WHAT TO DO:
Using the data beneath this instruction, retype only the lines from the one that contains "#153=IFCINDEXEDPOLYGONALFACE((2,6,8,4));" down to the one that contains "#167=IFCINDEXEDPOLYGONALFACE((5,7,8,6));", both included, exactly as they appear.

THE INPUT:
※ ※ ※

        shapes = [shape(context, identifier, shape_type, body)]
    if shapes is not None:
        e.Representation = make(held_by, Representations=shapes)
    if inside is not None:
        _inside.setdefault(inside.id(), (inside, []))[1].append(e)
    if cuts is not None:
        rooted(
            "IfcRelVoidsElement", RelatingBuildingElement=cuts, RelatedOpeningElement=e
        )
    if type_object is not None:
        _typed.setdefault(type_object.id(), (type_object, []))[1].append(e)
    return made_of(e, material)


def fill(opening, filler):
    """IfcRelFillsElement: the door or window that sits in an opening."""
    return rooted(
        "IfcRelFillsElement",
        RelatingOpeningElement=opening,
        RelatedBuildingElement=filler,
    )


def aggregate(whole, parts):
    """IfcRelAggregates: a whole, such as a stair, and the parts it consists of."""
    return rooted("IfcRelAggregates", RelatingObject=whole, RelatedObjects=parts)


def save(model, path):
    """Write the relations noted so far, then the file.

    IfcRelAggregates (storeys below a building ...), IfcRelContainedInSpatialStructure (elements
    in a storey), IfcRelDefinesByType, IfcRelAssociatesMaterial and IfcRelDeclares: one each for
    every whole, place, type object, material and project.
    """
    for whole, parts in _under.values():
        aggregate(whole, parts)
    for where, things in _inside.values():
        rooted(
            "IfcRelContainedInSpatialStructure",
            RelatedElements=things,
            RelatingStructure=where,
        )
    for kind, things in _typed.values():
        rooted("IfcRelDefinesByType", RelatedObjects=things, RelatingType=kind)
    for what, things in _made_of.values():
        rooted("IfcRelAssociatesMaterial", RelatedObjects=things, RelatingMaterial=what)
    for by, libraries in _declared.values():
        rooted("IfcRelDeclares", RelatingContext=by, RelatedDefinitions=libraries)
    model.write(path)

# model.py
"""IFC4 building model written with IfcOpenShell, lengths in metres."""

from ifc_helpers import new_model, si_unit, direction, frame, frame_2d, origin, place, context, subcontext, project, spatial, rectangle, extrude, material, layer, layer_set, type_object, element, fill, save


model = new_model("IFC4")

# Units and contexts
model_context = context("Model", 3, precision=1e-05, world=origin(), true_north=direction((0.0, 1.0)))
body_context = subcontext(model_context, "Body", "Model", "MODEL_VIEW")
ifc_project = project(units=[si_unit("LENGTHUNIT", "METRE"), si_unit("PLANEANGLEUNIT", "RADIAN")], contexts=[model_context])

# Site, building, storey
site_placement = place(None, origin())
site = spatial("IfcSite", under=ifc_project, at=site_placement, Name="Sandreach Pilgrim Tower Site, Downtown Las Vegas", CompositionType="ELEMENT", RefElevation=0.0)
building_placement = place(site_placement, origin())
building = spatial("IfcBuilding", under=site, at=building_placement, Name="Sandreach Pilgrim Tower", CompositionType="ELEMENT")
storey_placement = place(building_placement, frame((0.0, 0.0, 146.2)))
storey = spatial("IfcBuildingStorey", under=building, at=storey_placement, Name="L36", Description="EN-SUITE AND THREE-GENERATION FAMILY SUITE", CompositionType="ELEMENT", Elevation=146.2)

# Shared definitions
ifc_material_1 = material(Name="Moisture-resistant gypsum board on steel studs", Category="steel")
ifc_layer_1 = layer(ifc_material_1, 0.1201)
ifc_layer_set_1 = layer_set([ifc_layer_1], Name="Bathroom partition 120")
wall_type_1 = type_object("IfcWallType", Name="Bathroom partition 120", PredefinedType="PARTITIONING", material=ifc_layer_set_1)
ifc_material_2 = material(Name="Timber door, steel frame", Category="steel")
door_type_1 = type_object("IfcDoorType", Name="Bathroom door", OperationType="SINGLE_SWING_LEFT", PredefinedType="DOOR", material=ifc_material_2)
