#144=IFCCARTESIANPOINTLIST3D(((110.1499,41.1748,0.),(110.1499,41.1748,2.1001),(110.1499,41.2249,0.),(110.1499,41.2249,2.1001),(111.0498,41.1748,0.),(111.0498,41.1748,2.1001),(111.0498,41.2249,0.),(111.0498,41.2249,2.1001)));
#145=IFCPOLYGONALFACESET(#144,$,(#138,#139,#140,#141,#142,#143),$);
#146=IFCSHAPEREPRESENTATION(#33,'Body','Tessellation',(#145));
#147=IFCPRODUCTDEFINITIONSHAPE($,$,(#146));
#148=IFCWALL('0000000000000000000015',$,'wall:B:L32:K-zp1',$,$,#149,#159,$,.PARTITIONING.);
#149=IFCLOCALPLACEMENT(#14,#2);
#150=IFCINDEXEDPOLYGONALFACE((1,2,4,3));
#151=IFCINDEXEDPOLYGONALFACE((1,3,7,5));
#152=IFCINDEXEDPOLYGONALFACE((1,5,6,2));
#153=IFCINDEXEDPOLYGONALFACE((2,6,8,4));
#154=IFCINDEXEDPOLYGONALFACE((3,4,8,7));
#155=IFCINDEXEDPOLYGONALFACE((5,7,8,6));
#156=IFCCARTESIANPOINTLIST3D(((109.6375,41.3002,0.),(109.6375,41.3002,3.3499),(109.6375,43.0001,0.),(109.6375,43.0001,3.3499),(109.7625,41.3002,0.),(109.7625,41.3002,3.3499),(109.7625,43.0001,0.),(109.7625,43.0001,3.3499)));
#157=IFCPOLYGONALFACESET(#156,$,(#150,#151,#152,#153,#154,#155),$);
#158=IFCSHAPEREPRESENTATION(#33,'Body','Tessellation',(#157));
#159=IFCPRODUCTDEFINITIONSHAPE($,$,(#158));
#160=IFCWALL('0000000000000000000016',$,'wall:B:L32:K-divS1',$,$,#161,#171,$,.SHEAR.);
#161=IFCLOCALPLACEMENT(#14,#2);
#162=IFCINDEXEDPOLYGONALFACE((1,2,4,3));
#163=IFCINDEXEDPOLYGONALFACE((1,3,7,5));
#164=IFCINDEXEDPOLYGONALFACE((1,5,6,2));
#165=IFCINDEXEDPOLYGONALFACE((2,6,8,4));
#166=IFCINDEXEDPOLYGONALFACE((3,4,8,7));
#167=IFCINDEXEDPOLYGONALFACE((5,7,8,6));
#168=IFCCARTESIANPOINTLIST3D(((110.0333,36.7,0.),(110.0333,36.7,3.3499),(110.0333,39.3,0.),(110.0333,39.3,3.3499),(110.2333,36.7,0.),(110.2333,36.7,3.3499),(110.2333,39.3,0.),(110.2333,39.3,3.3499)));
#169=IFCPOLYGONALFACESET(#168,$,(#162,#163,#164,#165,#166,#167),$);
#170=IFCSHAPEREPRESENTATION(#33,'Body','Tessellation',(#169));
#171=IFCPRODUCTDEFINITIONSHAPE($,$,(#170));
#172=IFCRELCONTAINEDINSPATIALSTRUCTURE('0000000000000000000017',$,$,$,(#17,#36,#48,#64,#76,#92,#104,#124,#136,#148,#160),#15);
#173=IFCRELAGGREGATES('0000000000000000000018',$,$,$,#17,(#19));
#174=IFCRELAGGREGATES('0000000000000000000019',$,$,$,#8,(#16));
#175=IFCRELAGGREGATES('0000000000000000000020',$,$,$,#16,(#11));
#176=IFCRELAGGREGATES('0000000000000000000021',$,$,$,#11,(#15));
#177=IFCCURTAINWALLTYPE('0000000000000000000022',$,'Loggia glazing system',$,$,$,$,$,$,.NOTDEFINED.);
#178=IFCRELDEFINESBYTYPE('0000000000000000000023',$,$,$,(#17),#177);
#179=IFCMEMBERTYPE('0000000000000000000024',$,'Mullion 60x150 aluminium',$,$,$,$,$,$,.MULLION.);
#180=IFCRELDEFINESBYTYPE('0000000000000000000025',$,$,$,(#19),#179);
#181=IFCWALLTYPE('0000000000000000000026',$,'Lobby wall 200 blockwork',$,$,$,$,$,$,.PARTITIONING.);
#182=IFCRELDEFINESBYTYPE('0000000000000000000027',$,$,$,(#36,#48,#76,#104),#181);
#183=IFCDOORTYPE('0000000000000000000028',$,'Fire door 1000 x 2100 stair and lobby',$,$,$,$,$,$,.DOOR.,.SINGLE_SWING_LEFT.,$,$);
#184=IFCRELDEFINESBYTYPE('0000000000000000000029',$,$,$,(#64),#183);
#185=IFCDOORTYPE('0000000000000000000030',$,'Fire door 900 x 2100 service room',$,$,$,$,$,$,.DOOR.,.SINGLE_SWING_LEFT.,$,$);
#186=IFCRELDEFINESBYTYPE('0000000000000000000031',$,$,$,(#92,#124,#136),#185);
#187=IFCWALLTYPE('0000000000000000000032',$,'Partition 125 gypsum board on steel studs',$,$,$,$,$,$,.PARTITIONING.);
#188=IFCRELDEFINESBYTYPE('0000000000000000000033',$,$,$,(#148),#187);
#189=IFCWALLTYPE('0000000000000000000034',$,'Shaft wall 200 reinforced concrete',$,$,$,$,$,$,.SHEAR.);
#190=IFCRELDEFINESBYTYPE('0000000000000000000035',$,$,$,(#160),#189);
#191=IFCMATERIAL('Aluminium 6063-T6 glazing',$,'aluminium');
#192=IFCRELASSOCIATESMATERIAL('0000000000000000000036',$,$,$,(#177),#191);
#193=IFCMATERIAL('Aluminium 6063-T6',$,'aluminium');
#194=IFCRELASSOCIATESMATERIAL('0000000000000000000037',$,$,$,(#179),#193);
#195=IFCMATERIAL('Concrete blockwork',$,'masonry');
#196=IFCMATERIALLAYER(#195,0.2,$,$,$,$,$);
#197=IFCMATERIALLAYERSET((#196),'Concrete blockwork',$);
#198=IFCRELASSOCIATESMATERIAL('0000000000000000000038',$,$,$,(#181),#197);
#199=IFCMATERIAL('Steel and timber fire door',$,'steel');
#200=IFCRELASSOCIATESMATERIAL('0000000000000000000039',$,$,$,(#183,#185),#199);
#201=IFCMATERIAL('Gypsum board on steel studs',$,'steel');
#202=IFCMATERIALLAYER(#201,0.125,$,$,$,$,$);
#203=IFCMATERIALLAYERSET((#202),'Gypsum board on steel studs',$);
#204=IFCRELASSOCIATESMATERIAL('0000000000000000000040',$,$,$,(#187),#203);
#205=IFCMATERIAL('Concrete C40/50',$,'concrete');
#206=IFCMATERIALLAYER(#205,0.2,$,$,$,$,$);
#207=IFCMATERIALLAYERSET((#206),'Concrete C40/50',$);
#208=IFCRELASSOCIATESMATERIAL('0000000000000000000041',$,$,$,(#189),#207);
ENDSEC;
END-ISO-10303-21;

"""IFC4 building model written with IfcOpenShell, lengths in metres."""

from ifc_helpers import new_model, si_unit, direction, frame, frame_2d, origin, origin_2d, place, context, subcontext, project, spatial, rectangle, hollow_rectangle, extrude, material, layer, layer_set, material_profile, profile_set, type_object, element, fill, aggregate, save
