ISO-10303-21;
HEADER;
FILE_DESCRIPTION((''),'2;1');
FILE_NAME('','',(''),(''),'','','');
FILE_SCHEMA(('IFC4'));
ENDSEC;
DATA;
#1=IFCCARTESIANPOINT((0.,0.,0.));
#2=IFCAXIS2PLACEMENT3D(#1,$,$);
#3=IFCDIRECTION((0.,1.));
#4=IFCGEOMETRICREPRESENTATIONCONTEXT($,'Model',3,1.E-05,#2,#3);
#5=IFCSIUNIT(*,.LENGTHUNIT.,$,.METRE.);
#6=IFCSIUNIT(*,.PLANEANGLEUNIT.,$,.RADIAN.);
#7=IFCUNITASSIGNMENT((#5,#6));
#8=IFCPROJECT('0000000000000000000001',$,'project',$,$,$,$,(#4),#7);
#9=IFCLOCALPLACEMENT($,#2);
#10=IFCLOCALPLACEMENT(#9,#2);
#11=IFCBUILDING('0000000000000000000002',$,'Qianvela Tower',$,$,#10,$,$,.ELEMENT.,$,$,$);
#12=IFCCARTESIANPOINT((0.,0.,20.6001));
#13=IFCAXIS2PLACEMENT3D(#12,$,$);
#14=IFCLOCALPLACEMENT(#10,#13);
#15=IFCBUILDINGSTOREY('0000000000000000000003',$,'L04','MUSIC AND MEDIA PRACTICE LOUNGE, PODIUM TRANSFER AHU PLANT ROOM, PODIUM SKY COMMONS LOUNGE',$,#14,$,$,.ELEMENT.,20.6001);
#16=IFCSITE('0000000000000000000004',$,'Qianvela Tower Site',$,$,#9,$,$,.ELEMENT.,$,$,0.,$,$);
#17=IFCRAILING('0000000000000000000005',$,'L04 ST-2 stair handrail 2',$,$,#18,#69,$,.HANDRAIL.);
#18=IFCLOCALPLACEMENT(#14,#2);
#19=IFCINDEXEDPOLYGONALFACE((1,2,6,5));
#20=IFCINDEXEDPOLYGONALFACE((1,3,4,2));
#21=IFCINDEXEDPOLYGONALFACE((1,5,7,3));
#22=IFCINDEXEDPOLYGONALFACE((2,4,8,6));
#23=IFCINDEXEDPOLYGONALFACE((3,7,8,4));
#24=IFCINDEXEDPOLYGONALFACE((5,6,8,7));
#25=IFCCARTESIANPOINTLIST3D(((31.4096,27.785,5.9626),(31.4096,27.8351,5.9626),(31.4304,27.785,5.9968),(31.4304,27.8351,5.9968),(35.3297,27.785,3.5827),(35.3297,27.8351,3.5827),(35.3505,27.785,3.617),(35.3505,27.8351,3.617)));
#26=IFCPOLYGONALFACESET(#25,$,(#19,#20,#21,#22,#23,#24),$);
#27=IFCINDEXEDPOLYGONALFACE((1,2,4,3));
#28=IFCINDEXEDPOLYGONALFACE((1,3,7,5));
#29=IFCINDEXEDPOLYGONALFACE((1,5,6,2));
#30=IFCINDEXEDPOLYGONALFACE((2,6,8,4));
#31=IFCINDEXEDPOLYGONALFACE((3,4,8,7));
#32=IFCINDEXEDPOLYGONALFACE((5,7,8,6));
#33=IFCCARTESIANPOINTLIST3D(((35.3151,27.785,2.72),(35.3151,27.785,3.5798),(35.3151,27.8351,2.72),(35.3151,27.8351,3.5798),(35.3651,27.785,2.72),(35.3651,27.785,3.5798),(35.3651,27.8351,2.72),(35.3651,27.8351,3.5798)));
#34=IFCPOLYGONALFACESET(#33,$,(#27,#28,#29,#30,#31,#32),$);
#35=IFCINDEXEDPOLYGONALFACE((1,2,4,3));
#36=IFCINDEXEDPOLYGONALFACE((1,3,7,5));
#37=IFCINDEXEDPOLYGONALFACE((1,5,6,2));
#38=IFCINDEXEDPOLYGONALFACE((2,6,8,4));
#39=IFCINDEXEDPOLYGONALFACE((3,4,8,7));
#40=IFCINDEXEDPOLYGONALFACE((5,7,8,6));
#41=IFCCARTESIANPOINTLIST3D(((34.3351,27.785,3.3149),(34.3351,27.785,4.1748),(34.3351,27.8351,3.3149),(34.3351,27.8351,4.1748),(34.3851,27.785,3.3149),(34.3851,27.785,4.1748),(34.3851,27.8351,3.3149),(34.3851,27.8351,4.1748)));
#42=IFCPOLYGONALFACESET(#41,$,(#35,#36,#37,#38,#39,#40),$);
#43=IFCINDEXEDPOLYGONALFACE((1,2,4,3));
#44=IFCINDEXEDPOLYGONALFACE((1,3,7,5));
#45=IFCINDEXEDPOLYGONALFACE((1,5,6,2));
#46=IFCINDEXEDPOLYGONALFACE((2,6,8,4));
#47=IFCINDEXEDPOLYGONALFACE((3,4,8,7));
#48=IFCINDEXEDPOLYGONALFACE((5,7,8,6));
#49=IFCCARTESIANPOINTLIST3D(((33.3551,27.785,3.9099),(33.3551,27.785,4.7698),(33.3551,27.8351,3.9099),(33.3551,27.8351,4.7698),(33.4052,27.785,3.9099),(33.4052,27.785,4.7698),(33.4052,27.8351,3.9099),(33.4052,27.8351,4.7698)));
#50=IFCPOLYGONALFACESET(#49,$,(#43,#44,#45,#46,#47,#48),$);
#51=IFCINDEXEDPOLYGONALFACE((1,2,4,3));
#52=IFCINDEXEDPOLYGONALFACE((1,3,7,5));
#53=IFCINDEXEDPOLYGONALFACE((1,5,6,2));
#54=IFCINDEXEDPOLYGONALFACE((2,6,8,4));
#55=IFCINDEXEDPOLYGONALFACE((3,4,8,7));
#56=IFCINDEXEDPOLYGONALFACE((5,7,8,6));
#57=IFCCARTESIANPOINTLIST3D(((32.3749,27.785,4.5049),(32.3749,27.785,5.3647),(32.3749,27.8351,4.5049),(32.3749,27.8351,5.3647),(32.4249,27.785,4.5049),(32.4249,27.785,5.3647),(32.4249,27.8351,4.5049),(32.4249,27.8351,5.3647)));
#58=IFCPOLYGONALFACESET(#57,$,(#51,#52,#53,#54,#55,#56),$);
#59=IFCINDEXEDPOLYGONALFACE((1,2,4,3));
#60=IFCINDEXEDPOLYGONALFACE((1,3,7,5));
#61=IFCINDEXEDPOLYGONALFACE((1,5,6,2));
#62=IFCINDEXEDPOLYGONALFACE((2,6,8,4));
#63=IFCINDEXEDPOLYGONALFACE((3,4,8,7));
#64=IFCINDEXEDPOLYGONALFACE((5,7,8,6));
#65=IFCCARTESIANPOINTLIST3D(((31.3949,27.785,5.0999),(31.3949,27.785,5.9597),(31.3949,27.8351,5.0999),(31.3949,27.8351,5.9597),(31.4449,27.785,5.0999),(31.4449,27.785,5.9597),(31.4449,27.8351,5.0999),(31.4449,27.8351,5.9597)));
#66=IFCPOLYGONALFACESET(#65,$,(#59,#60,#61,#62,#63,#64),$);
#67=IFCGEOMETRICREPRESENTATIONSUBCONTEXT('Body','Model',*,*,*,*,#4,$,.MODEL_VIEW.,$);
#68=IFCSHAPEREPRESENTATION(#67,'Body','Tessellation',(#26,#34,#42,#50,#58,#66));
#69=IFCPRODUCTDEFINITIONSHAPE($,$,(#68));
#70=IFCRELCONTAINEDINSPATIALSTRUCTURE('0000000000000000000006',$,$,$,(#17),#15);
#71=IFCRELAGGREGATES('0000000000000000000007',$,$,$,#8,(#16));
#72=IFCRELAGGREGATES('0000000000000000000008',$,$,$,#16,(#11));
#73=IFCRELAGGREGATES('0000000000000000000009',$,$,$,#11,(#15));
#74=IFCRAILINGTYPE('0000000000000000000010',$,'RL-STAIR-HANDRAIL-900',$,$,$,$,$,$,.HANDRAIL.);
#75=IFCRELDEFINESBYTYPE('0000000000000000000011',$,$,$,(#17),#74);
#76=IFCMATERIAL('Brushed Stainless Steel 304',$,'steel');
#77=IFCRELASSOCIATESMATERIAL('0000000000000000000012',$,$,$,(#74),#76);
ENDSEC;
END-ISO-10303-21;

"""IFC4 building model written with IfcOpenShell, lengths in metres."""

from ifc_helpers import new_model, si_unit, direction, frame, origin, origin_2d, place, context, subcontext, project, spatial, rectangle, extrude, material, type_object, element, save


model = new_model("IFC4")

# Units and contexts
model_context = context("Model", 3, precision=1e-05, world=origin(), true_north=direction((0.0, 1.0)))
body_context = subcontext(model_context, "Body", "Model", "MODEL_VIEW")
ifc_project = project(units=[si_unit("LENGTHUNIT", "METRE"), si_unit("PLANEANGLEUNIT", "RADIAN")], contexts=[model_context])

# Site, building, storey
site_placement = place(None, origin())
site = spatial("IfcSite", under=ifc_project, at=site_placement, Name="Qianvela Tower Site", CompositionType="ELEMENT", RefElevation=0.0)
building_placement = place(site_placement, origin())
building = spatial("IfcBuilding", under=site, at=building_placement, Name="Qianvela Tower", CompositionType="ELEMENT")
storey_placement = place(building_placement, frame((0.0, 0.0, 20.6001)))
storey = spatial("IfcBuildingStorey", under=building, at=storey_placement, Name="L04", Description="MUSIC AND MEDIA PRACTICE LOUNGE, PODIUM TRANSFER AHU PLANT ROOM, PODIUM SKY COMMONS LOUNGE", CompositionType="ELEMENT", Elevation=20.6001)

# Railing
ifc_material_1 = material(Name="Brushed Stainless Steel 304", Category="steel")
railing_type_1 = type_object("IfcRailingType", Name="RL-STAIR-HANDRAIL-900", PredefinedType="HANDRAIL", material=ifc_material_1)
for number, where, name in (
    (1, (35.3401, 27.8101, 2.72), "L04 ST-2 stair handrail 2"),
):
    element("IfcRailing", number, at=place(storey_placement, frame(where)), inside=storey, type_object=railing_type_1, Name=name, PredefinedType="HANDRAIL", context=body_context, shape_type="SweptSolid", body=[
        extrude(rectangle(XDim=0.05, YDim=0.04, at=origin_2d()), frame((0.0, 0.0, 0.8799), z_axis=(-0.854809, 0.0, 0.518943), x_axis=(0.0, -1.0, 0.0)), (0.0, 0.0, 1.0), 4.5859),
        extrude(rectangle(XDim=0.05, YDim=0.05, at=origin_2d()), origin(), (0.0, 0.0, 1.0), 0.8599),
        extrude(rectangle(XDim=0.05, YDim=0.05, at=origin_2d()), frame((-0.98, 0.0, 0.595)), (0.0, 0.0, 1.0), 0.8599),
        extrude(rectangle(XDim=0.05, YDim=0.05, at=origin_2d()), frame((-1.96, 0.0, 1.1899)), (0.0, 0.0, 1.0), 0.8599),
        extrude(rectangle(XDim=0.05, YDim=0.05, at=origin_2d()), frame((-2.9402, 0.0, 1.7849)), (0.0, 0.0, 1.0), 0.8599),
        extrude(rectangle(XDim=0.05, YDim=0.05, at=origin_2d()), frame((-3.9202, 0.0, 2.3799)), (0.0, 0.0, 1.0), 0.8599),
    ])

save(model, "model.ifc")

※ ※ ※

EXERCISE SOLUTION:
#153=IFCINDEXEDPOLYGONALFACE((2,6,8,4));
#154=IFCINDEXEDPOLYGONALFACE((3,4,8,7));
#155=IFCINDEXEDPOLYGONALFACE((5,7,8,6));
#156=IFCCARTESIANPOINTLIST3D(((109.6375,41.3002,0.),(109.6375,41.3002,3.3499),(109.6375,43.0001,0.),(109.6375,43.0001,3.3499),(109.7625,41.3002,0.),(109.7625,41.3002,3.3499),(109.7625,43.0001,0.),(109.7625,43.0001,3.3499)));
#157=IFCPOLYGONALFACESET(#156,$,(#150,#151,#152,#153,#154,#155),$);
#158=IFCSHAPEREPRESENTATION(#33,'Body','Tessellation',(#157));
#159=IFCPRODUCTDEFINITIONSHAPE($,$,(#158));
#160=IFCWALL('0000000000000000000016',$,'wall:B:L32:K-divS1',$,$,#161,#171,$,.SHEAR.);
#161=IFCLOCALPLACEMENT(#14,#2);
#162=IFCINDEXEDPOLYGONALFACE((1,2,4,3));
#163=IFCINDEXEDPOLYGONALFACE((1,3,7,5));
#164=IFCINDEXEDPOLYGONALFACE((1,5,6,2));
#165=IFCINDEXEDPOLYGONALFACE((2,6,8,4));
#166=IFCINDEXEDPOLYGONALFACE((3,4,8,7));
#167=IFCINDEXEDPOLYGONALFACE((5,7,8,6));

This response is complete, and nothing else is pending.